• **Task goal**: Output all records below verbatim.

+++

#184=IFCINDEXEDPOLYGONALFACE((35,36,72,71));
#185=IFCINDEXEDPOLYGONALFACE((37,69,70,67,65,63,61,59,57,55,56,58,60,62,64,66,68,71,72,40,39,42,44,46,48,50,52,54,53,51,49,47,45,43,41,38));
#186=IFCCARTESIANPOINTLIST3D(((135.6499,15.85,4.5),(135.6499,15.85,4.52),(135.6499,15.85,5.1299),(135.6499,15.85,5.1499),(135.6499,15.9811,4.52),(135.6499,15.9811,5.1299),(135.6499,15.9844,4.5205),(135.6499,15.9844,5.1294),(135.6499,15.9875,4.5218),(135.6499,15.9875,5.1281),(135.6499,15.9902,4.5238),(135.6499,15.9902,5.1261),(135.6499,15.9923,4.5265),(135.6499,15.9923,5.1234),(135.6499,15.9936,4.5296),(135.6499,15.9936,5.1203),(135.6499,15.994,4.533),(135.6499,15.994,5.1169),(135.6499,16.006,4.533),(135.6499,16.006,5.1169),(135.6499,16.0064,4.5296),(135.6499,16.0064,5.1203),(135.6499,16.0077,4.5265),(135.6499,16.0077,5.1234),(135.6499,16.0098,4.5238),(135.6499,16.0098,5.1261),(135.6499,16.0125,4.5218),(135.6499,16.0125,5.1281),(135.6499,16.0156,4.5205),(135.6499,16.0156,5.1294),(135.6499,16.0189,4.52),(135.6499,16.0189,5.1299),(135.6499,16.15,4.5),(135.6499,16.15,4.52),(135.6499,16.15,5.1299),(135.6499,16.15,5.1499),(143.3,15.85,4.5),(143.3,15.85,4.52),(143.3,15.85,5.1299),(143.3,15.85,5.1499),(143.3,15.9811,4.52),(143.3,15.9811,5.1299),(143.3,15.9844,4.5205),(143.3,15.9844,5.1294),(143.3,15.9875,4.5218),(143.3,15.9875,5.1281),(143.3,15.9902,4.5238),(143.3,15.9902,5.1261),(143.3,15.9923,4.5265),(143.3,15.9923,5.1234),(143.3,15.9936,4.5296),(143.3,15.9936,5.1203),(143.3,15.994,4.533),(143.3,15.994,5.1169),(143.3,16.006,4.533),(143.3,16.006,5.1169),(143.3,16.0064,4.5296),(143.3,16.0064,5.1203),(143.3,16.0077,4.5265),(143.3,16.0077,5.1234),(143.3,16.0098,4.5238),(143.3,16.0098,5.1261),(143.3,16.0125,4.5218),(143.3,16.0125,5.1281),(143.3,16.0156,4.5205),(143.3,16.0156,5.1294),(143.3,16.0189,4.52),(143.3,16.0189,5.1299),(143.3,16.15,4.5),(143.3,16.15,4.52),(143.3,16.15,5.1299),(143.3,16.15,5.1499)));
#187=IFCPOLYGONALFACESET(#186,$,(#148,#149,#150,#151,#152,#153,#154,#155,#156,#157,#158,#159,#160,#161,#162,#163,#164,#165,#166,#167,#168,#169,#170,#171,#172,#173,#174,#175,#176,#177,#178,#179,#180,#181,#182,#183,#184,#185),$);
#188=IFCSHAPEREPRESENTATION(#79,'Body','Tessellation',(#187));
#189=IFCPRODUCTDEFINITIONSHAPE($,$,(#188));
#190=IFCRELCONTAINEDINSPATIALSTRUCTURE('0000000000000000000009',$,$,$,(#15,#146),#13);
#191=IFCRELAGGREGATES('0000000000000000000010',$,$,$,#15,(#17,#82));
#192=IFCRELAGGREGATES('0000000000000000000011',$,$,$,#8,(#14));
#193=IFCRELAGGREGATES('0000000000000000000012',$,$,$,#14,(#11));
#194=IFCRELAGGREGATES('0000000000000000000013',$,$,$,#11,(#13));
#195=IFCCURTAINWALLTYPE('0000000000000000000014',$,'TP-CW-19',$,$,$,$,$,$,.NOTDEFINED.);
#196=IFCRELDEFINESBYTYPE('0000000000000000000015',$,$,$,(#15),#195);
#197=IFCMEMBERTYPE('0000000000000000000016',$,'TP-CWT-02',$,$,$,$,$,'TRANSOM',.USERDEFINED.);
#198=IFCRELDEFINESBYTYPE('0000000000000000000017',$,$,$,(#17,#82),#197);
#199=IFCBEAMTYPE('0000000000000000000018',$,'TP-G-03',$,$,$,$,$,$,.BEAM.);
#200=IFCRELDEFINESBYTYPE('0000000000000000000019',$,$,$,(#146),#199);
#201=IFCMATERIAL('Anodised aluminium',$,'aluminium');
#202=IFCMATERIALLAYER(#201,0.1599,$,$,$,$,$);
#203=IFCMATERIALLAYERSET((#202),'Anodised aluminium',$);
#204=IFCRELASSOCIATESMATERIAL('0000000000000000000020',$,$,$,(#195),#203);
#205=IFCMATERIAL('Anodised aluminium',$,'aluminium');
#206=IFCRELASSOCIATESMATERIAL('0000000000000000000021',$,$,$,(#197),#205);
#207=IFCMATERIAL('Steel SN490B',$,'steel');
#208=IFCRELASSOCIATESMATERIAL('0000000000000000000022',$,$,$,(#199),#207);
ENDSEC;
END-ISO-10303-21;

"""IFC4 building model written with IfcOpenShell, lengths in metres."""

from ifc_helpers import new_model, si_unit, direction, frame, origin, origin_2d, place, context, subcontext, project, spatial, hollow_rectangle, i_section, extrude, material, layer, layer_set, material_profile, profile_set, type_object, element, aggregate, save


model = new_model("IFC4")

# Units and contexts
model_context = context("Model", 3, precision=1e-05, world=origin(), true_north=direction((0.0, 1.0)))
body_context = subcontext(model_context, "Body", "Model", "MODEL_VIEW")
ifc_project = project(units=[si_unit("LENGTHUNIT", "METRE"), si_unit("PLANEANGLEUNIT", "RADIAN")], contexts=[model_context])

+++

• **Task result**:
#184=IFCINDEXEDPOLYGONALFACE((35,36,72,71));
#185=IFCINDEXEDPOLYGONALFACE((37,69,70,67,65,63,61,59,57,55,56,58,60,62,64,66,68,71,72,40,39,42,44,46,48,50,52,54,53,51,49,47,45,43,41,38));
#186=IFCCARTESIANPOINTLIST3D(((135.6499,15.85,4.5),(135.6499,15.85,4.52),(135.6499,15.85,5.1299),(135.6499,15.85,5.1499),(135.6499,15.9811,4.52),(135.6499,15.9811,5.1299),(135.6499,15.9844,4.5205),(135.6499,15.9844,5.1294),(135.6499,15.9875,4.5218),(135.6499,15.9875,5.1281),(135.6499,15.9902,4.5238),(135.6499,15.9902,5.1261),(135.6499,15.9923,4.5265),(135.6499,15.9923,5.1234),(135.6499,15.9936,4.5296),(135.6499,15.9936,5.1203),(135.6499,15.994,4.533),(135.6499,15.994,5.1169),(135.6499,16.006,4.533),(135.6499,16.006,5.1169),(135.6499,16.0064,4.5296),(135.6499,16.0064,5.1203),(135.6499,16.0077,4.5265),(135.6499,16.0077,5.1234),(135.6499,16.0098,4.5238),(135.6499,16.0098,5.1261),(135.6499,16.0125,4.5218),(135.6499,16.0125,5.1281),(135.6499,16.0156,4.5205),(135.6499,16.0156,5.1294),(135.6499,16.0189,4.52),(135.6499,16.0189,5.1299),(135.6499,16.15,4.5),(135.6499,16.15,4.52),(135.6499,16.15,5.1299),(135.6499,16.15,5.1499),(143.3,15.85,4.5),(143.3,15.85,4.52),(143.3,15.85,5.1299),(143.3,15.85,5.1499),(143.3,15.9811,4.52),(143.3,15.9811,5.1299),(143.3,15.9844,4.5205),(143.3,15.9844,5.1294),(143.3,15.9875,4.5218),(143.3,15.9875,5.1281),(143.3,15.9902,4.5238),(143.3,15.9902,5.1261),(143.3,15.9923,4.5265),(143.3,15.9923,5.1234),(143.3,15.9936,4.5296),(143.3,15.9936,5.1203),(143.3,15.994,4.533),(143.3,15.994,5.1169),(143.3,16.006,4.533),(143.3,16.006,5.1169),(143.3,16.0064,4.5296),(143.3,16.0064,5.1203),(143.3,16.0077,4.5265),(143.3,16.0077,5.1234),(143.3,16.0098,4.5238),(143.3,16.0098,5.1261),(143.3,16.0125,4.5218),(143.3,16.0125,5.1281),(143.3,16.0156,4.5205),(143.3,16.0156,5.1294),(143.3,16.0189,4.52),(143.3,16.0189,5.1299),(143.3,16.15,4.5),(143.3,16.15,4.52),(143.3,16.15,5.1299),(143.3,16.15,5.1499)));
#187=IFCPOLYGONALFACESET(#186,$,(#148,#149,#150,#151,#152,#153,#154,#155,#156,#157,#158,#159,#160,#161,#162,#163,#164,#165,#166,#167,#168,#169,#170,#171,#172,#173,#174,#175,#176,#177,#178,#179,#180,#181,#182,#183,#184,#185),$);
#188=IFCSHAPEREPRESENTATION(#79,'Body','Tessellation',(#187));
#189=IFCPRODUCTDEFINITIONSHAPE($,$,(#188));
#190=IFCRELCONTAINEDINSPATIALSTRUCTURE('0000000000000000000009',$,$,$,(#15,#146),#13);
#191=IFCRELAGGREGATES('0000000000000000000010',$,$,$,#15,(#17,#82));
#192=IFCRELAGGREGATES('0000000000000000000011',$,$,$,#8,(#14));
#193=IFCRELAGGREGATES('0000000000000000000012',$,$,$,#14,(#11));
#194=IFCRELAGGREGATES('0000000000000000000013',$,$,$,#11,(#13));
#195=IFCCURTAINWALLTYPE('0000000000000000000014',$,'TP-CW-19',$,$,$,$,$,$,.NOTDEFINED.);
#196=IFCRELDEFINESBYTYPE('0000000000000000000015',$,$,$,(#15),#195);
#197=IFCMEMBERTYPE('0000000000000000000016',$,'TP-CWT-02',$,$,$,$,$,'TRANSOM',.USERDEFINED.);
#198=IFCRELDEFINESBYTYPE('0000000000000000000017',$,$,$,(#17,#82),#197);
#199=IFCBEAMTYPE('0000000000000000000018',$,'TP-G-03',$,$,$,$,$,$,.BEAM.);
#200=IFCRELDEFINESBYTYPE('0000000000000000000019',$,$,$,(#146),#199);
#201=IFCMATERIAL('Anodised aluminium',$,'aluminium');
#202=IFCMATERIALLAYER(#201,0.1599,$,$,$,$,$);
#203=IFCMATERIALLAYERSET((#202),'Anodised aluminium',$);
#204=IFCRELASSOCIATESMATERIAL('0000000000000000000020',$,$,$,(#195),#203);
#205=IFCMATERIAL('Anodised aluminium',$,'aluminium');
#206=IFCRELASSOCIATESMATERIAL('0000000000000000000021',$,$,$,(#197),#205);
#207=IFCMATERIAL('Steel SN490B',$,'steel');
#208=IFCRELASSOCIATESMATERIAL('0000000000000000000022',$,$,$,(#199),#207);
ENDSEC;
END-ISO-10303-21;

"""IFC4 building model written with IfcOpenShell, lengths in metres."""

from ifc_helpers import new_model, si_unit, direction, frame, origin, origin_2d, place, context, subcontext, project, spatial, hollow_rectangle, i_section, extrude, material, layer, layer_set, material_profile, profile_set, type_object, element, aggregate, save


model = new_model("IFC4")

# Units and contexts
model_context = context("Model", 3, precision=1e-05, world=origin(), true_north=direction((0.0, 1.0)))
body_context = subcontext(model_context, "Body", "Model", "MODEL_VIEW")
ifc_project = project(units=[si_unit("LENGTHUNIT", "METRE"), si_unit("PLANEANGLEUNIT", "RADIAN")], contexts=[model_context])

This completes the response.